§ **TASK DIRECTIONS**: Pull each line with the string "IFCPOLYGONALFACESET" from the entries.

Collection entries
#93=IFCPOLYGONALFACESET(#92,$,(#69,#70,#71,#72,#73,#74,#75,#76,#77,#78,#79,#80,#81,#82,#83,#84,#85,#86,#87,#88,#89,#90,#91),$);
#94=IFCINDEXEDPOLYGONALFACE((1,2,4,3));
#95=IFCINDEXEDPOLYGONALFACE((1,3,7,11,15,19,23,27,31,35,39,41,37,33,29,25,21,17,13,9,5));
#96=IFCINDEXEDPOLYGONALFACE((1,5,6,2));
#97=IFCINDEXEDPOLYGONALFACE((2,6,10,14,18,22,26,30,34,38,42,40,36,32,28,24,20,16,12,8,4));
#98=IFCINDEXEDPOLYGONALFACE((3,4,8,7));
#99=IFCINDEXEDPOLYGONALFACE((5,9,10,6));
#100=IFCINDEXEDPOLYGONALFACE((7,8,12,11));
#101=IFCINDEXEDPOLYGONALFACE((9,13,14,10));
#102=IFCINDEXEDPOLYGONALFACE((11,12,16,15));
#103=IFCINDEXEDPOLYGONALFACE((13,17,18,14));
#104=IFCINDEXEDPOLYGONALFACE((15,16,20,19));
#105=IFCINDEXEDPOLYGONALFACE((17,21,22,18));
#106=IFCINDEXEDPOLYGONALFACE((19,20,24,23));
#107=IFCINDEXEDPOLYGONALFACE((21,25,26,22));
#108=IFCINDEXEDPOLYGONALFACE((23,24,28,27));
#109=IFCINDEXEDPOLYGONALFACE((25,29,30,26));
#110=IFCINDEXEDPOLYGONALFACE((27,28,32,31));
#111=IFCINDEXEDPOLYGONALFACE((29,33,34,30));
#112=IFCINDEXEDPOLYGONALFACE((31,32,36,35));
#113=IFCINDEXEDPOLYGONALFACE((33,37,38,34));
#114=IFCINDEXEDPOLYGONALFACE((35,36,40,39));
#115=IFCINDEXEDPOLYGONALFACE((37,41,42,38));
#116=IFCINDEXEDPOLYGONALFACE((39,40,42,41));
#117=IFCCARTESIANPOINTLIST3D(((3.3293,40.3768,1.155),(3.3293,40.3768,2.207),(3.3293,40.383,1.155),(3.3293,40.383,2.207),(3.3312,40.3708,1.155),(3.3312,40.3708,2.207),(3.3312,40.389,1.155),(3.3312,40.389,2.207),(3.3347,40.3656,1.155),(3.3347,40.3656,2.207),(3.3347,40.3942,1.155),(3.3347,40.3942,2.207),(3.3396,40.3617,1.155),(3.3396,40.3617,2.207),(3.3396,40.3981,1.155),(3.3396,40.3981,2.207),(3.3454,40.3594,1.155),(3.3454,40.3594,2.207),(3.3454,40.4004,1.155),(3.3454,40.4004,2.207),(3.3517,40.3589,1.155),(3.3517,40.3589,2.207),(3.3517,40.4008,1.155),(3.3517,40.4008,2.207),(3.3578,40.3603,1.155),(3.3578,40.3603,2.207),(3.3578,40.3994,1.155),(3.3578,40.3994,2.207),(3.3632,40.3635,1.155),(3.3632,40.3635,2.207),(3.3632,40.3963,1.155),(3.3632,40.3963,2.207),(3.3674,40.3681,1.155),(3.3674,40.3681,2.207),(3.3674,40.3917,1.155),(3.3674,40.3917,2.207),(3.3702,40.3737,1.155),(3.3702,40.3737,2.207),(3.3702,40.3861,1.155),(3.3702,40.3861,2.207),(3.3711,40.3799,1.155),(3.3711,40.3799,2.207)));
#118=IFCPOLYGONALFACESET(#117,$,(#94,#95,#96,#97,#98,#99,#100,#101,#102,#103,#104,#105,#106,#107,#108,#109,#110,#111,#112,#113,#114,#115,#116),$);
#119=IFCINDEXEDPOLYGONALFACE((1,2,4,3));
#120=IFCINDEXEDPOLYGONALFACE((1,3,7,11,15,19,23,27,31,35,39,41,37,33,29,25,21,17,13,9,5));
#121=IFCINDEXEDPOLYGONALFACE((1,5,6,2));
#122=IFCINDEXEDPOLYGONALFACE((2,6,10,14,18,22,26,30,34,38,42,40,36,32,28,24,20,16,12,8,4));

§ **RESPONSE TO THE TASK**:
#93=IFCPOLYGONALFACESET(#92,$,(#69,#70,#71,#72,#73,#74,#75,#76,#77,#78,#79,#80,#81,#82,#83,#84,#85,#86,#87,#88,#89,#90,#91),$);
#118=IFCPOLYGONALFACESET(#117,$,(#94,#95,#96,#97,#98,#99,#100,#101,#102,#103,#104,#105,#106,#107,#108,#109,#110,#111,#112,#113,#114,#115,#116),$);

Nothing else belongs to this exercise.